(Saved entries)
※ ※ ※

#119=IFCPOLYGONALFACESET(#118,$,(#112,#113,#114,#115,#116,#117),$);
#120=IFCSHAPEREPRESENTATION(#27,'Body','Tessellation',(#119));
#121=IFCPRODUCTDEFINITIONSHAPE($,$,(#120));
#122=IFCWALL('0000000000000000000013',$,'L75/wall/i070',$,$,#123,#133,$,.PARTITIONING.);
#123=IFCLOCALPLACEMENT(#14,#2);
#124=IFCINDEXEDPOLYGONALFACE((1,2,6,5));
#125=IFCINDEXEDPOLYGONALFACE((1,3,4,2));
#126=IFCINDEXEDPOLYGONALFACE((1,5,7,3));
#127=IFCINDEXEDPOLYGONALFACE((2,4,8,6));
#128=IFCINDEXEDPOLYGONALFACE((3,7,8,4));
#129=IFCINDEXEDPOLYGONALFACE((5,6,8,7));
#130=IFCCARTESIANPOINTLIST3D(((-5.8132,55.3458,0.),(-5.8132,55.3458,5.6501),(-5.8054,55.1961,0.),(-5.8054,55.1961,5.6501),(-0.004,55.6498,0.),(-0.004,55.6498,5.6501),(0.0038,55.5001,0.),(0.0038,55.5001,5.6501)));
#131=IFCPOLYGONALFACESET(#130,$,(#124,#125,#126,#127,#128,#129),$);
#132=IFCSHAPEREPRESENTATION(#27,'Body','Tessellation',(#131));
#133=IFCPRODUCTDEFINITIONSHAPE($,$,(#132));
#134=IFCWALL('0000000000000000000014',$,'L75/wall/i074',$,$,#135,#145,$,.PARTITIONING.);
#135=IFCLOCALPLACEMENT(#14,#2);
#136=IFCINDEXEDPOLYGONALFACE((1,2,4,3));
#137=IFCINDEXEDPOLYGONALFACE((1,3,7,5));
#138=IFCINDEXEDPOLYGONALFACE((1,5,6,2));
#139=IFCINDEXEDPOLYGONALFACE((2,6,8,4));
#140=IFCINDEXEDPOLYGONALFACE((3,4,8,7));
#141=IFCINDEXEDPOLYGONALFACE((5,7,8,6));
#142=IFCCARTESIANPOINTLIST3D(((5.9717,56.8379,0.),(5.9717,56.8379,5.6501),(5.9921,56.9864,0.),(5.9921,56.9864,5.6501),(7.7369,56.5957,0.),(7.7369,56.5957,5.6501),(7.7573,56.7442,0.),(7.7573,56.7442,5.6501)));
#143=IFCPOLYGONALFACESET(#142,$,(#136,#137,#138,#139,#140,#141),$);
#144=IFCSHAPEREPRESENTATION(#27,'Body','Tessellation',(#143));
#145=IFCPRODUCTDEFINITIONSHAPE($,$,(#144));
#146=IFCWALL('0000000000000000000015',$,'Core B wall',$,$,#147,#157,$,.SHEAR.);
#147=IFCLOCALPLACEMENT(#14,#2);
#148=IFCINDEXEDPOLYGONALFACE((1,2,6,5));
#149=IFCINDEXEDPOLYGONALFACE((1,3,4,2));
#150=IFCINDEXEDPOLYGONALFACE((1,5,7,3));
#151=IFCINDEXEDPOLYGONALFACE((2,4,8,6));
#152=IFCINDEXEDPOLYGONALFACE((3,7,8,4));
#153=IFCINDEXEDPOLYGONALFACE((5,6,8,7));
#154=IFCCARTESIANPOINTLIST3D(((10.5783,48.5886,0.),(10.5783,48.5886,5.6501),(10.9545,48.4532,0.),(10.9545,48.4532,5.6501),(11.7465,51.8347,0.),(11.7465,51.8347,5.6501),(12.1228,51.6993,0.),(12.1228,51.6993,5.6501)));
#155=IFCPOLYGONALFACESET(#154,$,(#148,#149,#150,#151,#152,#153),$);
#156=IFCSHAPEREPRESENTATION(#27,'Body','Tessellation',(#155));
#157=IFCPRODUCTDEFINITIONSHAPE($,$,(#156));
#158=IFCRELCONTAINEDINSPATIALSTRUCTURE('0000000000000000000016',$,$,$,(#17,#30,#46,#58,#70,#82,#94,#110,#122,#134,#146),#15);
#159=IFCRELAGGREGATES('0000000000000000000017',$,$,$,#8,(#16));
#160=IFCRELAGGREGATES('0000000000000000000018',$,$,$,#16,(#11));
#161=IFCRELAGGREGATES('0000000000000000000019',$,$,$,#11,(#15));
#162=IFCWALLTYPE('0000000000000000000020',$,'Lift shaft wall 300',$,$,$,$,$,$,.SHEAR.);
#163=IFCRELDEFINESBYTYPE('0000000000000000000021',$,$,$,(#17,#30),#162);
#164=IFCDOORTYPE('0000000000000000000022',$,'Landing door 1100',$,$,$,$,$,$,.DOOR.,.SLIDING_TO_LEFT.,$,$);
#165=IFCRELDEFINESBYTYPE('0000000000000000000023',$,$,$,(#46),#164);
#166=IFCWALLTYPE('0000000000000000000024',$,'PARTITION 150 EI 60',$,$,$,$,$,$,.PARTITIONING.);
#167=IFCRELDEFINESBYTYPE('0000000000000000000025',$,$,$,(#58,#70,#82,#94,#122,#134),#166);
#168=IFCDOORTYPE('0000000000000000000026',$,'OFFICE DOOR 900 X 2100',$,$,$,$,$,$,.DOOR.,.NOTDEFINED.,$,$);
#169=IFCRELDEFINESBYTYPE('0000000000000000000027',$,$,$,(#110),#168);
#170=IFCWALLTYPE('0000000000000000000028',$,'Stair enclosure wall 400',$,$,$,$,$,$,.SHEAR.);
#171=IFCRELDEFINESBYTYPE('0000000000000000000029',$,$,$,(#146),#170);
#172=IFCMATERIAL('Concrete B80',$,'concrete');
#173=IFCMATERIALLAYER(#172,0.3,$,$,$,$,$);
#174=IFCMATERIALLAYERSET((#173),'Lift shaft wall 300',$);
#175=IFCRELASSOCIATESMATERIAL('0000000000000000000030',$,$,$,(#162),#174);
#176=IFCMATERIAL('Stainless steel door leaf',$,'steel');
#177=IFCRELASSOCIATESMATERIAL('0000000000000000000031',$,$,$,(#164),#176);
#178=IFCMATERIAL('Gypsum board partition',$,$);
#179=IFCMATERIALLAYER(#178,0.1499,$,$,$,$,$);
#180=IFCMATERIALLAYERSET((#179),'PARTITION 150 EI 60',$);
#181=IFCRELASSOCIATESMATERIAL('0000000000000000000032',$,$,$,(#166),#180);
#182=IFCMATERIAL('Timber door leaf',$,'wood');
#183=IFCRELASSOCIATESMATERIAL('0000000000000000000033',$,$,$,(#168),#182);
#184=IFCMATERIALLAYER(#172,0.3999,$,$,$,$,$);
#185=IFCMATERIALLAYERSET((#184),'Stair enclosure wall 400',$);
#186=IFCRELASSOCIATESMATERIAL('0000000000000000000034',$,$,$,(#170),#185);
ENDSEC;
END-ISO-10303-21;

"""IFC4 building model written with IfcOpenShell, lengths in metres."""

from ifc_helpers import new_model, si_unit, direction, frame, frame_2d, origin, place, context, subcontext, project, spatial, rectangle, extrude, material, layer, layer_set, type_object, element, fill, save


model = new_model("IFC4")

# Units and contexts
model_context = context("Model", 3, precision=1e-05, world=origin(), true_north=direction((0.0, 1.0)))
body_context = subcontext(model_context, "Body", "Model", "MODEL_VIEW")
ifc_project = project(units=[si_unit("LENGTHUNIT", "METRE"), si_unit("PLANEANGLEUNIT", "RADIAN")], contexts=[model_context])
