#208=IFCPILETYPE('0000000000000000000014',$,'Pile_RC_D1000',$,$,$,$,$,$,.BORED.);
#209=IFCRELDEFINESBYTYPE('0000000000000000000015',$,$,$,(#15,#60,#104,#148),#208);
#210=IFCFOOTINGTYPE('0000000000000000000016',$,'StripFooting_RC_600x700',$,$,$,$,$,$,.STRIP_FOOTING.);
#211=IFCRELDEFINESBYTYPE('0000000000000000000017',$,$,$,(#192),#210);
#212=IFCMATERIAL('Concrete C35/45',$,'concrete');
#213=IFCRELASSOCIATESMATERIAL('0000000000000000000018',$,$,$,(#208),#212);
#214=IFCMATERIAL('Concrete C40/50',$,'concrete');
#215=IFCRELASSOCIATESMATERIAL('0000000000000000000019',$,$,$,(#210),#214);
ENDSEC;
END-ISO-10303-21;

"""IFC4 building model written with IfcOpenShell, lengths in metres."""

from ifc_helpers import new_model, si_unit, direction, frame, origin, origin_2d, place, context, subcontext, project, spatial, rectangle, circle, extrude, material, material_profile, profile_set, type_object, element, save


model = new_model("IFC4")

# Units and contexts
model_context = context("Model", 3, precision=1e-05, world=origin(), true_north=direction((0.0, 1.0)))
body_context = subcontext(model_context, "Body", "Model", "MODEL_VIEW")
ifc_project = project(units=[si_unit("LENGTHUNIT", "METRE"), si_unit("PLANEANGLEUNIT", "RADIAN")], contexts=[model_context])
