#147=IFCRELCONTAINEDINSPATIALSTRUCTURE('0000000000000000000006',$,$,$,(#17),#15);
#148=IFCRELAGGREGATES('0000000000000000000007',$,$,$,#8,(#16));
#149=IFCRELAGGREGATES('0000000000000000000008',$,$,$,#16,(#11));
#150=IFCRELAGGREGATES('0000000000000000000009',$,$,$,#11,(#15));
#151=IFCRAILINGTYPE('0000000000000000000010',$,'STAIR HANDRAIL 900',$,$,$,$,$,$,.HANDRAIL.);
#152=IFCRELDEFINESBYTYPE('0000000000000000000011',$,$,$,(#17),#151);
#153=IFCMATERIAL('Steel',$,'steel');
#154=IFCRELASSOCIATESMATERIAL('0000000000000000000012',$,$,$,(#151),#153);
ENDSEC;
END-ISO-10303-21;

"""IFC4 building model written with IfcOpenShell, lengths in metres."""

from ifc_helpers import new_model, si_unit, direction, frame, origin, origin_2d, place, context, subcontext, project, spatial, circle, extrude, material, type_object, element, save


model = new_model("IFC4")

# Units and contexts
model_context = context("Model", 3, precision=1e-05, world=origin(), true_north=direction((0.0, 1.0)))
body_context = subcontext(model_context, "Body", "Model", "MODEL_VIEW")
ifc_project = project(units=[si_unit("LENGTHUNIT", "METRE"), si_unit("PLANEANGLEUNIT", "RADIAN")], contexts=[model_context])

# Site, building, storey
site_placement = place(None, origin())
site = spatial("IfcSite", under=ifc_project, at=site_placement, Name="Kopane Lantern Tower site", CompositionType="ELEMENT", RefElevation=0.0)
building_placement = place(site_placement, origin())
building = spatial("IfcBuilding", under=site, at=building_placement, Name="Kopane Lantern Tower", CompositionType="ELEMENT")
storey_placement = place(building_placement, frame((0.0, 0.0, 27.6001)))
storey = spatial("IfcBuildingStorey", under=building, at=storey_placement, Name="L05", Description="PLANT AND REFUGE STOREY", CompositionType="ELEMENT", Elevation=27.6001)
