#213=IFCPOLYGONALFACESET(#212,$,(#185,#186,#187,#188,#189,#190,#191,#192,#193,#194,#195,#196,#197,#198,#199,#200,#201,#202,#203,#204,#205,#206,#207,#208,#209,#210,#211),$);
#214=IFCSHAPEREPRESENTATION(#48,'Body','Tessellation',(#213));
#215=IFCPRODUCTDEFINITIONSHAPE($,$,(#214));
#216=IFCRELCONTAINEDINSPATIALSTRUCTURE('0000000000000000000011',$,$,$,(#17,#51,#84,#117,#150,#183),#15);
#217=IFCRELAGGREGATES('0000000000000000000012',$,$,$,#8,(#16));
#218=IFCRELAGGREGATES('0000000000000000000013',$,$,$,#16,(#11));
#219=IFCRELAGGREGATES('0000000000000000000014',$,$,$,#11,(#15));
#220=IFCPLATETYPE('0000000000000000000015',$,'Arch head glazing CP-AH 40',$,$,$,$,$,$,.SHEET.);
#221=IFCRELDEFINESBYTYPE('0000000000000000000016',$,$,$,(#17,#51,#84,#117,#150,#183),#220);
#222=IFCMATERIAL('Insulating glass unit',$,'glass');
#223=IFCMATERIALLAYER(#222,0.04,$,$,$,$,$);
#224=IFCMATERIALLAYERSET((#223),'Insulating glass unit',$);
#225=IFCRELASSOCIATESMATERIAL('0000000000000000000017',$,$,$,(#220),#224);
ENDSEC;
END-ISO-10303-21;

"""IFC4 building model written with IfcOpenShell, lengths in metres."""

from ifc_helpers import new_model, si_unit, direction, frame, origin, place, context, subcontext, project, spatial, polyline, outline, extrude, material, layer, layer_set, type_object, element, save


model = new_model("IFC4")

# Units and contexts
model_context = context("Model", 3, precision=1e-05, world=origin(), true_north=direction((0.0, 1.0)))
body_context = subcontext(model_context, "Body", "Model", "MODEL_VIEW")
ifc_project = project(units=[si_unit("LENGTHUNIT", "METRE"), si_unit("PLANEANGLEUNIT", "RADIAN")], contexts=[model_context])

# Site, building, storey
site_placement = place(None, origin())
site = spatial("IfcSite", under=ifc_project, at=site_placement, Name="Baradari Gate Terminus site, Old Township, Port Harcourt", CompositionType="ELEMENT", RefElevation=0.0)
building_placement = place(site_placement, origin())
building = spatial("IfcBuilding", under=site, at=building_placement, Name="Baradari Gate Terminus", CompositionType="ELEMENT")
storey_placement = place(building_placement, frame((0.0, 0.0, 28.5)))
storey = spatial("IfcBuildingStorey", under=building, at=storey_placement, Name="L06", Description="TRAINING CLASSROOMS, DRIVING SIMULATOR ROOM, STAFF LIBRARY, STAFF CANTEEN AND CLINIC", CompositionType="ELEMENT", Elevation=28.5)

※ ※ ※

Please restate the records word for word. Go from the first line to the line with "#123=IFCLOCALPLACEMENT(#14,#2);" and include both.

## Solved problem
#119=IFCPOLYGONALFACESET(#118,$,(#112,#113,#114,#115,#116,#117),$);
#120=IFCSHAPEREPRESENTATION(#27,'Body','Tessellation',(#119));
#121=IFCPRODUCTDEFINITIONSHAPE($,$,(#120));
#122=IFCWALL('0000000000000000000013',$,'L75/wall/i070',$,$,#123,#133,$,.PARTITIONING.);
#123=IFCLOCALPLACEMENT(#14,#2);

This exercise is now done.